## WORK ITEM
Below are some entries. Repeat exactly the lines from the one with "#37=IFCINDEXEDPOLYGONALFACE((25,29,31,27));" through the one with "#56=IFCINDEXEDPOLYGONALFACE((62,64,71,67));", and only those.

Records excerpted from a collection
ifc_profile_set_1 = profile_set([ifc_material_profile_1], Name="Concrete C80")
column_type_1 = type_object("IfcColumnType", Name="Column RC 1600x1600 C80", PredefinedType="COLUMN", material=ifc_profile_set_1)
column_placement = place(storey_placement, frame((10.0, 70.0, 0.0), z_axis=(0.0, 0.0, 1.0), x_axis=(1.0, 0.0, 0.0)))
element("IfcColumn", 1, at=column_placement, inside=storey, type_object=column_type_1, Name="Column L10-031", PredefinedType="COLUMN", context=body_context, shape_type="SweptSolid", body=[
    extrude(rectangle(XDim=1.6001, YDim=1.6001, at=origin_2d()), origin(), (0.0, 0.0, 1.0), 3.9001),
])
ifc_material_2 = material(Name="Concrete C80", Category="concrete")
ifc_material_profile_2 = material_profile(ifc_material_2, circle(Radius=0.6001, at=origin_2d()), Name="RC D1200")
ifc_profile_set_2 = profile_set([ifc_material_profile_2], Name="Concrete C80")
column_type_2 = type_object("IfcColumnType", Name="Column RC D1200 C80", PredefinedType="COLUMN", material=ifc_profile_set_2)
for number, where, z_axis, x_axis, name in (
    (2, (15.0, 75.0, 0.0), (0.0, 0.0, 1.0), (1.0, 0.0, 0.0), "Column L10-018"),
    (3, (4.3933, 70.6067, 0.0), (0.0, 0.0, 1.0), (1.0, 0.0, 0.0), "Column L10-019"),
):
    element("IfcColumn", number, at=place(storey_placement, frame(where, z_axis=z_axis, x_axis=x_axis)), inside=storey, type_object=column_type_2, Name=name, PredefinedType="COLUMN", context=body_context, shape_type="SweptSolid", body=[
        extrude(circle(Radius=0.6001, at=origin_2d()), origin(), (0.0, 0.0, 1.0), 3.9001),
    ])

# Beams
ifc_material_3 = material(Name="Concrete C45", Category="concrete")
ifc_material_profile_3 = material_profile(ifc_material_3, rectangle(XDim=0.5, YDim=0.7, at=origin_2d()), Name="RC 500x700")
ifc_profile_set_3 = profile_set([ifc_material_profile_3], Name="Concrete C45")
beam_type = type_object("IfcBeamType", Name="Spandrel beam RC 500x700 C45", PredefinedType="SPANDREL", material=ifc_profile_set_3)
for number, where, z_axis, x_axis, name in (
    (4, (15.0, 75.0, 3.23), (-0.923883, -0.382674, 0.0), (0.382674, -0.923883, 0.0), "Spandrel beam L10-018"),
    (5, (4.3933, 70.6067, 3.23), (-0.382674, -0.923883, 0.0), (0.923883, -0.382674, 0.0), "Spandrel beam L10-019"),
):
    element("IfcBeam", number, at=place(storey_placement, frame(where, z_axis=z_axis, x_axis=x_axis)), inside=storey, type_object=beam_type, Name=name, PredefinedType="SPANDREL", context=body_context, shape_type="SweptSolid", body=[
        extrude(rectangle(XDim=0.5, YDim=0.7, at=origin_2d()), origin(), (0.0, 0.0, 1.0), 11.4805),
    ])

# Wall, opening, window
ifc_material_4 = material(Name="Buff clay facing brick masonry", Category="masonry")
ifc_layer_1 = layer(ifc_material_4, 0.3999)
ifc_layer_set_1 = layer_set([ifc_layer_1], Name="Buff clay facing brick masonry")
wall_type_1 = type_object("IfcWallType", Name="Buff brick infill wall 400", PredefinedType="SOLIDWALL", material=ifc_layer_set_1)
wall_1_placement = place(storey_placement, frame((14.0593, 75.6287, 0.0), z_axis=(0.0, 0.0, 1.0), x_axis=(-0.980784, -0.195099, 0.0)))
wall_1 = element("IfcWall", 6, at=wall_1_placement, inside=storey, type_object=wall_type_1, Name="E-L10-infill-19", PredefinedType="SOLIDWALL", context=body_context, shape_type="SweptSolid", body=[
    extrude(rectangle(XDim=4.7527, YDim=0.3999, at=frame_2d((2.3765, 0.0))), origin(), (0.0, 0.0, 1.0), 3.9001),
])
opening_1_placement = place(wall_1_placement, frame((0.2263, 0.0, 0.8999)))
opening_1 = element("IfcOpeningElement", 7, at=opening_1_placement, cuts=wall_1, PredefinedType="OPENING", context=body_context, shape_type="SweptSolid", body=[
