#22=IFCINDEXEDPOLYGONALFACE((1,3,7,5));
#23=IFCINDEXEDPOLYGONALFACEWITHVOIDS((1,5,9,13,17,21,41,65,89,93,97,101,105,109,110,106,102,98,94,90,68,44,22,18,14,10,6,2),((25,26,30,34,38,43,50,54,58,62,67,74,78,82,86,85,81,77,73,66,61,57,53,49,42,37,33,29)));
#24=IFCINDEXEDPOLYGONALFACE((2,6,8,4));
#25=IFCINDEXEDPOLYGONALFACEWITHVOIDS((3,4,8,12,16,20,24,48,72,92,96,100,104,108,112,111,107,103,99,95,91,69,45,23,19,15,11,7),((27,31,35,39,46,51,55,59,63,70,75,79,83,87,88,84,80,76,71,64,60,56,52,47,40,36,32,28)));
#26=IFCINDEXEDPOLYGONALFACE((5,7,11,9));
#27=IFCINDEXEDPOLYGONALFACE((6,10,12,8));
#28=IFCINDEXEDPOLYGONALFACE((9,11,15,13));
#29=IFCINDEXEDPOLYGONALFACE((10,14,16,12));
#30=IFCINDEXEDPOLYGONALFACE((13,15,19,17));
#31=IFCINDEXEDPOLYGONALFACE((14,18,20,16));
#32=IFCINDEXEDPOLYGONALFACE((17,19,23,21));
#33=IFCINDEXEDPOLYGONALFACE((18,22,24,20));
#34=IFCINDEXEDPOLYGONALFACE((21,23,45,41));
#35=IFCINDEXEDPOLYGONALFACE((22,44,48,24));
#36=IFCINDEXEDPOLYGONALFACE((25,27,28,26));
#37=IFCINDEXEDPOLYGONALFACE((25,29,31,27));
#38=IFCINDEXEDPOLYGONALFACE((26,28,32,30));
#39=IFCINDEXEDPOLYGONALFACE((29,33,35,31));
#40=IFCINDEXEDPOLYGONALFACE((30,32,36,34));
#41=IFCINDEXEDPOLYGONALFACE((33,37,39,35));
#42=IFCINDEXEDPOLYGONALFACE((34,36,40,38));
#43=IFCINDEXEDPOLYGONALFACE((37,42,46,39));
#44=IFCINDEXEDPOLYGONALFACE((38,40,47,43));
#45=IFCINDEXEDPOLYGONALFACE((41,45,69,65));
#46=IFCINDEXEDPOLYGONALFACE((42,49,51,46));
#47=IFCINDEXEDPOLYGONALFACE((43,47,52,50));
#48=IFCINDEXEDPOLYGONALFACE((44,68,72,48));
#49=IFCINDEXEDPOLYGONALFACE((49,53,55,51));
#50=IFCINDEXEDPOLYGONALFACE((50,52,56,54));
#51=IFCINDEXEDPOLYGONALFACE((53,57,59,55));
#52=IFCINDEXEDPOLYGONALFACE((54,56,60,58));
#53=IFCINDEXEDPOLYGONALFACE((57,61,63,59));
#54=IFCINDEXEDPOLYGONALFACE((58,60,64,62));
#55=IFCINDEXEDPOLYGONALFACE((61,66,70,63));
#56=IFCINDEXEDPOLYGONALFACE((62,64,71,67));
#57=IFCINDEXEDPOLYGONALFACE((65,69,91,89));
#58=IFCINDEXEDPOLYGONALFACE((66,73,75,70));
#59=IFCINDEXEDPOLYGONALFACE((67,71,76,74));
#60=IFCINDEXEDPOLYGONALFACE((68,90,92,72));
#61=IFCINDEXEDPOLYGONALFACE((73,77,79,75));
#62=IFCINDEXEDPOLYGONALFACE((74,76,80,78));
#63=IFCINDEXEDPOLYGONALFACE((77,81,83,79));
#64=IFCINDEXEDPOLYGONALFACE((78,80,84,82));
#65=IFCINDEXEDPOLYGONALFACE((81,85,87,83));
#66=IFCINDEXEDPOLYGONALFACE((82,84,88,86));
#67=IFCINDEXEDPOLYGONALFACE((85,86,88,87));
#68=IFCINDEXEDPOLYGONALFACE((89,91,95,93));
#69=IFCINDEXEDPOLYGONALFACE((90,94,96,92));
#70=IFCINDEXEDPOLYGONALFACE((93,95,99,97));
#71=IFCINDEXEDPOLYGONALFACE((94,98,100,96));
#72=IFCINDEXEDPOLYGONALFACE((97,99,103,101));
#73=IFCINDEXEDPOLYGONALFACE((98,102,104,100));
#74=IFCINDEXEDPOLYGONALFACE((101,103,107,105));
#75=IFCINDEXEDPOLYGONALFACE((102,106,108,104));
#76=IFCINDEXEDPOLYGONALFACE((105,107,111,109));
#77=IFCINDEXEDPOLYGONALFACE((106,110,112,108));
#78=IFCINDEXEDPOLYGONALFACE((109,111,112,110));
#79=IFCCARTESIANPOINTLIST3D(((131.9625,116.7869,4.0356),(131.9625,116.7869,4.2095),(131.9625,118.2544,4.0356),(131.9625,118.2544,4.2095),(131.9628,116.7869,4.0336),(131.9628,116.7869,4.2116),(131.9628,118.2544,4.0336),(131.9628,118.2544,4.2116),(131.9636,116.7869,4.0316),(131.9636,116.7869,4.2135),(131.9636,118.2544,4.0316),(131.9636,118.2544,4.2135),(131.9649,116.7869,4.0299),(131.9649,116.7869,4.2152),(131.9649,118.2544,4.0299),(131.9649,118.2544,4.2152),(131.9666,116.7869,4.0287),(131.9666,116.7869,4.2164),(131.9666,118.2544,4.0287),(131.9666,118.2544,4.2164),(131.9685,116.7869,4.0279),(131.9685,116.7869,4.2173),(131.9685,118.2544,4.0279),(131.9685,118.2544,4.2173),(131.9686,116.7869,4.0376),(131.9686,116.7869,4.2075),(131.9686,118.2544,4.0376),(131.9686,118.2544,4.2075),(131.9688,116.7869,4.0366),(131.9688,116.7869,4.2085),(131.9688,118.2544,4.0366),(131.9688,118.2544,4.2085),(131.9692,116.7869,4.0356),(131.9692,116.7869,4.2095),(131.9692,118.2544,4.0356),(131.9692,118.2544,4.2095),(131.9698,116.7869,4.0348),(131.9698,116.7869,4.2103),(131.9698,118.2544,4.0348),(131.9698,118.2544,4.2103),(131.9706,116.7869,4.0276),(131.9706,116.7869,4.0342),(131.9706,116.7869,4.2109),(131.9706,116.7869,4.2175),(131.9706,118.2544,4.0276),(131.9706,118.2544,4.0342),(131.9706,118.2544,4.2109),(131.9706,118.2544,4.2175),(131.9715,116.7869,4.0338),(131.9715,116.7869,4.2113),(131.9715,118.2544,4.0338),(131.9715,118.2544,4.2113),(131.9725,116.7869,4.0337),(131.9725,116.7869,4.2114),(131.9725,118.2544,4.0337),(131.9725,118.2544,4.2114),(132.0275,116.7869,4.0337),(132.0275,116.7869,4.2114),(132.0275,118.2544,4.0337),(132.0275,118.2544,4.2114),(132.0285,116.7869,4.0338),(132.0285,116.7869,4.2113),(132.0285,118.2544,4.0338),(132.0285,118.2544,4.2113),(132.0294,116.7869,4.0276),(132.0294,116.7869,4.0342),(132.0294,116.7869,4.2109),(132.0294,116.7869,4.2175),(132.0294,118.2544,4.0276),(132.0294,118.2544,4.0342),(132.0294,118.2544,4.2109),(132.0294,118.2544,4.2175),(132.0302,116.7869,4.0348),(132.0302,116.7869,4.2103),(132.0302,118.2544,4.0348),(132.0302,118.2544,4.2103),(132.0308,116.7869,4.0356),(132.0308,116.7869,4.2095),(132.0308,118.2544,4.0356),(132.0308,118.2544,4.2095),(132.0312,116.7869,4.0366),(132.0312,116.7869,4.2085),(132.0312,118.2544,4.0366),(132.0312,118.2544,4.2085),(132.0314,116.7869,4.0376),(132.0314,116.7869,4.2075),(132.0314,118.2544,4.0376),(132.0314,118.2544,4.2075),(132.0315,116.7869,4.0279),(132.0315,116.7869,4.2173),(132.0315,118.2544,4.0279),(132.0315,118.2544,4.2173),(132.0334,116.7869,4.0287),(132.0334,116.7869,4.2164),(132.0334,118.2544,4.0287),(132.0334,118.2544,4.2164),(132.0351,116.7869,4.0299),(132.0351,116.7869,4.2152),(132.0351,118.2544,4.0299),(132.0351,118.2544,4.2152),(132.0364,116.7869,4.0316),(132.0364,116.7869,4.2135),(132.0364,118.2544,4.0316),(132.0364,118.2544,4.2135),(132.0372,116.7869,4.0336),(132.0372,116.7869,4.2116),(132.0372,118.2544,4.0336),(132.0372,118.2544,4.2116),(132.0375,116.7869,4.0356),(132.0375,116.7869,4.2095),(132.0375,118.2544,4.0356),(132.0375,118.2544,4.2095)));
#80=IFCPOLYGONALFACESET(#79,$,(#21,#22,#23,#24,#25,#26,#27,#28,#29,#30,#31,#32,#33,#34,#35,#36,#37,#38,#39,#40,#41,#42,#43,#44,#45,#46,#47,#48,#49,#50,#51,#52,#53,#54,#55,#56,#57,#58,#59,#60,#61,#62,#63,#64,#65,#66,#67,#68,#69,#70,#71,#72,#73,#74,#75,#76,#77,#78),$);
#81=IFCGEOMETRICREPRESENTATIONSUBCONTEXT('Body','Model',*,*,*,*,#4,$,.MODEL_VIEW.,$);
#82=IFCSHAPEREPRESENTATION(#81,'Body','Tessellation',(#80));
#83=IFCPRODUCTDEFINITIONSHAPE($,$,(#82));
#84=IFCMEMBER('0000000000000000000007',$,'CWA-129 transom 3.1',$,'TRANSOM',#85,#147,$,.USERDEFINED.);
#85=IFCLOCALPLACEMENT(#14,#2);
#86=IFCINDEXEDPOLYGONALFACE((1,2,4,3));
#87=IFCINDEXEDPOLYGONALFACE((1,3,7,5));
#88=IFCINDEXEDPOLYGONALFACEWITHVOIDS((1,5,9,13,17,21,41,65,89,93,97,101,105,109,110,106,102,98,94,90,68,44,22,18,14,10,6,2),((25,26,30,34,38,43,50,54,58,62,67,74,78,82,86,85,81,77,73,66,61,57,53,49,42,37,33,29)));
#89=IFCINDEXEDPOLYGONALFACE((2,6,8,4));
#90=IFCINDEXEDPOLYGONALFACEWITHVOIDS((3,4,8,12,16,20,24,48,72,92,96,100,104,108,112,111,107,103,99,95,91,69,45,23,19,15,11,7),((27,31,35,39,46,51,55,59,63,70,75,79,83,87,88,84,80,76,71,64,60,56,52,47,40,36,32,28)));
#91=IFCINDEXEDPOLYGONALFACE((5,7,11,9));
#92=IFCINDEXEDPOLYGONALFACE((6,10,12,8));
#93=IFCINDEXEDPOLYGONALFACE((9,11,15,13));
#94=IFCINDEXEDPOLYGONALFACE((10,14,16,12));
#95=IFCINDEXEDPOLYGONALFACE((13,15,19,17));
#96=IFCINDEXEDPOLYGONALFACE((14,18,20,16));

## RESPONSE
#37=IFCINDEXEDPOLYGONALFACE((25,29,31,27));
#38=IFCINDEXEDPOLYGONALFACE((26,28,32,30));
#39=IFCINDEXEDPOLYGONALFACE((29,33,35,31));
#40=IFCINDEXEDPOLYGONALFACE((30,32,36,34));
#41=IFCINDEXEDPOLYGONALFACE((33,37,39,35));
#42=IFCINDEXEDPOLYGONALFACE((34,36,40,38));
#43=IFCINDEXEDPOLYGONALFACE((37,42,46,39));
#44=IFCINDEXEDPOLYGONALFACE((38,40,47,43));
#45=IFCINDEXEDPOLYGONALFACE((41,45,69,65));
#46=IFCINDEXEDPOLYGONALFACE((42,49,51,46));
#47=IFCINDEXEDPOLYGONALFACE((43,47,52,50));
#48=IFCINDEXEDPOLYGONALFACE((44,68,72,48));
#49=IFCINDEXEDPOLYGONALFACE((49,53,55,51));
#50=IFCINDEXEDPOLYGONALFACE((50,52,56,54));
#51=IFCINDEXEDPOLYGONALFACE((53,57,59,55));
#52=IFCINDEXEDPOLYGONALFACE((54,56,60,58));
#53=IFCINDEXEDPOLYGONALFACE((57,61,63,59));
#54=IFCINDEXEDPOLYGONALFACE((58,60,64,62));
#55=IFCINDEXEDPOLYGONALFACE((61,66,70,63));
#56=IFCINDEXEDPOLYGONALFACE((62,64,71,67));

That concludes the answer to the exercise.